Your assignment
Repeat the entries below exactly. Begin with the first line and end with the line that contains "#207=IFCMATERIALLAYER(#194,0.012,$,$,$,$,$);".
Records shown Start Marker
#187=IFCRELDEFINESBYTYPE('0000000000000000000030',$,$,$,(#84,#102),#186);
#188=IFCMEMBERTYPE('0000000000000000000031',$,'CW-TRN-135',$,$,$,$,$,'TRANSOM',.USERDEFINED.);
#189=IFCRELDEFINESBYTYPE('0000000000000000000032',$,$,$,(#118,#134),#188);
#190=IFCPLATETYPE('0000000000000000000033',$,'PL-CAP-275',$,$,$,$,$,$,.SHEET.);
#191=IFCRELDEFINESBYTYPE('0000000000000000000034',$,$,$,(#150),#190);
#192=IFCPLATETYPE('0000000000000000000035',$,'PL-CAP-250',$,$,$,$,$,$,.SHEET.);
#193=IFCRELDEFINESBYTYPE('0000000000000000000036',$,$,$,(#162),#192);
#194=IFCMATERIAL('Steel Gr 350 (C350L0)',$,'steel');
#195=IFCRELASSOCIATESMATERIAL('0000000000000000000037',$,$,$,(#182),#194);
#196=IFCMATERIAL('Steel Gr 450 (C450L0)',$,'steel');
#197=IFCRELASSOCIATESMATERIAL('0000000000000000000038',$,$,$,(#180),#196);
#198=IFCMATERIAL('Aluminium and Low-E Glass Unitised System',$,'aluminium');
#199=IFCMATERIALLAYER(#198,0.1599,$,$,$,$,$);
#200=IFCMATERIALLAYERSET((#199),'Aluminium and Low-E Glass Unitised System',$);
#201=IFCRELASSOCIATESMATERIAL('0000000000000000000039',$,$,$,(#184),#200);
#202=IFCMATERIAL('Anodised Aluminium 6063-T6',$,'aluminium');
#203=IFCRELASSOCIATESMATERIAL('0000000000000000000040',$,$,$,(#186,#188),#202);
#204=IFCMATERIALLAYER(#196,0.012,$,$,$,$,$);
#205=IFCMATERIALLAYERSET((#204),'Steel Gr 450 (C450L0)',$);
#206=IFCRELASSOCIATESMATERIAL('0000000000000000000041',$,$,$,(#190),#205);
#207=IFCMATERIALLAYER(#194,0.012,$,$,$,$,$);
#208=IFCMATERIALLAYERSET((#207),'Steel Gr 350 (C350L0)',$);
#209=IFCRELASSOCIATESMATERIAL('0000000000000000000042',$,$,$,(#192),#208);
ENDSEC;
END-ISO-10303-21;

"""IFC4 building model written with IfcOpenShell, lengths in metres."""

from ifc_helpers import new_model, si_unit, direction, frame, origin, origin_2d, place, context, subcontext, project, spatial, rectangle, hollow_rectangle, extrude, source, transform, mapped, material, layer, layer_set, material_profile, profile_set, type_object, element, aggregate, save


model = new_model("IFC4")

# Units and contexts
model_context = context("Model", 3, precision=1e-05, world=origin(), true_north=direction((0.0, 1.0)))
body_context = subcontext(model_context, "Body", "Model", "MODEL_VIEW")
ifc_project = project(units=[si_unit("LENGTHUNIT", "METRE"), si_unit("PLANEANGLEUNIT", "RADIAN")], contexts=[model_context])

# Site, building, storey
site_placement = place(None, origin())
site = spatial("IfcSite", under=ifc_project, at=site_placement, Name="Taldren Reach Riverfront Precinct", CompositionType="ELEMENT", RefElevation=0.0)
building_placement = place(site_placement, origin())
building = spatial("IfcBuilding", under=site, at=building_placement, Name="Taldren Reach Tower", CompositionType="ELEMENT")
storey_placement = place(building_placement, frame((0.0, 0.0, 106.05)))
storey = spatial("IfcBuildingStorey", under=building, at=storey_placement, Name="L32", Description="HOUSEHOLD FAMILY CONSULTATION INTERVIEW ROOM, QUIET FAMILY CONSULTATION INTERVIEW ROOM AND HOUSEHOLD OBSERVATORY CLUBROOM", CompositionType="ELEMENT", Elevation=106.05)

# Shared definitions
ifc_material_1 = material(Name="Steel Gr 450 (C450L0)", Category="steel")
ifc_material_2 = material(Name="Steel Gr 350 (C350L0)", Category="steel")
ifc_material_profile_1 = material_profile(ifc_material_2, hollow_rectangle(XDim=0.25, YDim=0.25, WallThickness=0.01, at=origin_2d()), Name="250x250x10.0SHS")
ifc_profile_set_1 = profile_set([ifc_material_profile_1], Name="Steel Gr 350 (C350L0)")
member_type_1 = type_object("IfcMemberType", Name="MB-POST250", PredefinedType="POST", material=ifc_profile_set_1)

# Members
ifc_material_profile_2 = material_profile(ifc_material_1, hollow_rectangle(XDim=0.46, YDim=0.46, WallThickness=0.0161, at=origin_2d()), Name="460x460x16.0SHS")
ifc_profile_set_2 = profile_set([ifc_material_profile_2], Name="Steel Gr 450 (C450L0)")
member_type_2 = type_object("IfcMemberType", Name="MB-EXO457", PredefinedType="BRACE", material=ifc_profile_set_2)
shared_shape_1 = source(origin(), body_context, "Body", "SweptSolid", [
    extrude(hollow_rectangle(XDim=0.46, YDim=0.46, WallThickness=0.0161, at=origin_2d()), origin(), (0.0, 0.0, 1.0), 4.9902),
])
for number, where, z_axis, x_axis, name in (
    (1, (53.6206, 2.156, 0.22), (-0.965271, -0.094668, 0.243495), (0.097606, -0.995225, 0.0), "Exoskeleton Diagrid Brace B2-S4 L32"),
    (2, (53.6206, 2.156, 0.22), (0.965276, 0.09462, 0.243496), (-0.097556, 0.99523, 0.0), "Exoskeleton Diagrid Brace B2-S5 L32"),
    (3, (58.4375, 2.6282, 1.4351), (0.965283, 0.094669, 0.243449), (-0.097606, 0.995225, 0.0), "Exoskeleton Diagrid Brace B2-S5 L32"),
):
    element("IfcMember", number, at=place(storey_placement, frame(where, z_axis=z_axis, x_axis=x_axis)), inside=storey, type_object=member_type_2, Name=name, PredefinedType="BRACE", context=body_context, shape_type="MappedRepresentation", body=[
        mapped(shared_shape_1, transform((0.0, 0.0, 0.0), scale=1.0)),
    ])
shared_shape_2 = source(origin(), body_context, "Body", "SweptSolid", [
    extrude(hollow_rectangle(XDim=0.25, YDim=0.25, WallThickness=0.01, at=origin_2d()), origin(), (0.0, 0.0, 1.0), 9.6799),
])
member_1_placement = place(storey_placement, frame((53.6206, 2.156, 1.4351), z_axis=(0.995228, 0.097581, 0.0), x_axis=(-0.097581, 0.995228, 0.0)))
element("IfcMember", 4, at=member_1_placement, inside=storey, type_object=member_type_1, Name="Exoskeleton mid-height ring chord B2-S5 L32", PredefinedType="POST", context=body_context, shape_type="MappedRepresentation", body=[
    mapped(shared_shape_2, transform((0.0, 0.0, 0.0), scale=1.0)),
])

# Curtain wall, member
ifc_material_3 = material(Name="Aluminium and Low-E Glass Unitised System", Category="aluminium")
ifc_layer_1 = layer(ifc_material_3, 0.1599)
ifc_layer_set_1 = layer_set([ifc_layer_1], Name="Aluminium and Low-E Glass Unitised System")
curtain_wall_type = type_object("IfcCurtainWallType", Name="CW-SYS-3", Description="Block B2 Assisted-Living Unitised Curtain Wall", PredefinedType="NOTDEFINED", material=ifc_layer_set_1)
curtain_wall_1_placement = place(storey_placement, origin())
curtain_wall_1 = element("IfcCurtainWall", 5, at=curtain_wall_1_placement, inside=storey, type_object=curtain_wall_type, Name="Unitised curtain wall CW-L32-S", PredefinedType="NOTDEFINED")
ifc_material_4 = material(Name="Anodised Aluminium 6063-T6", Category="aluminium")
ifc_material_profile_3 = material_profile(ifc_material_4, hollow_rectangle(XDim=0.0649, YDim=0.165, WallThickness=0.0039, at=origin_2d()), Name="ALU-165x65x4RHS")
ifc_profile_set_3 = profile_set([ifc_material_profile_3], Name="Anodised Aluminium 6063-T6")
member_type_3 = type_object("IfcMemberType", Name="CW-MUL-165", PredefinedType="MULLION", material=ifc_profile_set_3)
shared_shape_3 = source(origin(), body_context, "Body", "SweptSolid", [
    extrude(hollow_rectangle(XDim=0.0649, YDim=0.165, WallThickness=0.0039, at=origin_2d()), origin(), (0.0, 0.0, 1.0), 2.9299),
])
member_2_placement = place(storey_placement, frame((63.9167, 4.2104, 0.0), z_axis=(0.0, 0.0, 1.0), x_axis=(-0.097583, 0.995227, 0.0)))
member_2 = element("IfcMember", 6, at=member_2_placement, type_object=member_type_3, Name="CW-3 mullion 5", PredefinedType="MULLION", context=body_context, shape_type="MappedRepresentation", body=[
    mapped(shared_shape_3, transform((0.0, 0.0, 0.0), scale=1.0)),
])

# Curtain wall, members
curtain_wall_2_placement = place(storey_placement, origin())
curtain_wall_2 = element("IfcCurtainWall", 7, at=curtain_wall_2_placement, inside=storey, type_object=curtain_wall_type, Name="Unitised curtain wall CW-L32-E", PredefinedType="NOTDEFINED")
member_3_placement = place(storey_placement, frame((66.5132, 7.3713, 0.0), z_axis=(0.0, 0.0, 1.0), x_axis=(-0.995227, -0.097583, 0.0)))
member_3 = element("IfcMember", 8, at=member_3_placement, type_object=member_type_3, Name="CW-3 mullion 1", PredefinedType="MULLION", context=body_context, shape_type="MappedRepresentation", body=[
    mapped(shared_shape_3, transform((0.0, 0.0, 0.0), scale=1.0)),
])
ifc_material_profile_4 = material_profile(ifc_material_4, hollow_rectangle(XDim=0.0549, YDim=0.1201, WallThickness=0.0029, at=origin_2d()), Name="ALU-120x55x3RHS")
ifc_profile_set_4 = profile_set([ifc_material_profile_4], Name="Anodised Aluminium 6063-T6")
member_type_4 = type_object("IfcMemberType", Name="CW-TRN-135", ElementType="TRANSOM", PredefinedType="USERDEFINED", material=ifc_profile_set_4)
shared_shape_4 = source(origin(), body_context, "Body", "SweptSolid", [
Records shown End Marker
Solution to the problem
#187=IFCRELDEFINESBYTYPE('0000000000000000000030',$,$,$,(#84,#102),#186);
#188=IFCMEMBERTYPE('0000000000000000000031',$,'CW-TRN-135',$,$,$,$,$,'TRANSOM',.USERDEFINED.);
#189=IFCRELDEFINESBYTYPE('0000000000000000000032',$,$,$,(#118,#134),#188);
#190=IFCPLATETYPE('0000000000000000000033',$,'PL-CAP-275',$,$,$,$,$,$,.SHEET.);
#191=IFCRELDEFINESBYTYPE('0000000000000000000034',$,$,$,(#150),#190);
#192=IFCPLATETYPE('0000000000000000000035',$,'PL-CAP-250',$,$,$,$,$,$,.SHEET.);
#193=IFCRELDEFINESBYTYPE('0000000000000000000036',$,$,$,(#162),#192);
#194=IFCMATERIAL('Steel Gr 350 (C350L0)',$,'steel');
#195=IFCRELASSOCIATESMATERIAL('0000000000000000000037',$,$,$,(#182),#194);
#196=IFCMATERIAL('Steel Gr 450 (C450L0)',$,'steel');
#197=IFCRELASSOCIATESMATERIAL('0000000000000000000038',$,$,$,(#180),#196);
#198=IFCMATERIAL('Aluminium and Low-E Glass Unitised System',$,'aluminium');
#199=IFCMATERIALLAYER(#198,0.1599,$,$,$,$,$);
#200=IFCMATERIALLAYERSET((#199),'Aluminium and Low-E Glass Unitised System',$);
#201=IFCRELASSOCIATESMATERIAL('0000000000000000000039',$,$,$,(#184),#200);
#202=IFCMATERIAL('Anodised Aluminium 6063-T6',$,'aluminium');
#203=IFCRELASSOCIATESMATERIAL('0000000000000000000040',$,$,$,(#186,#188),#202);
#204=IFCMATERIALLAYER(#196,0.012,$,$,$,$,$);
#205=IFCMATERIALLAYERSET((#204),'Steel Gr 450 (C450L0)',$);
#206=IFCRELASSOCIATESMATERIAL('0000000000000000000041',$,$,$,(#190),#205);
#207=IFCMATERIALLAYER(#194,0.012,$,$,$,$,$);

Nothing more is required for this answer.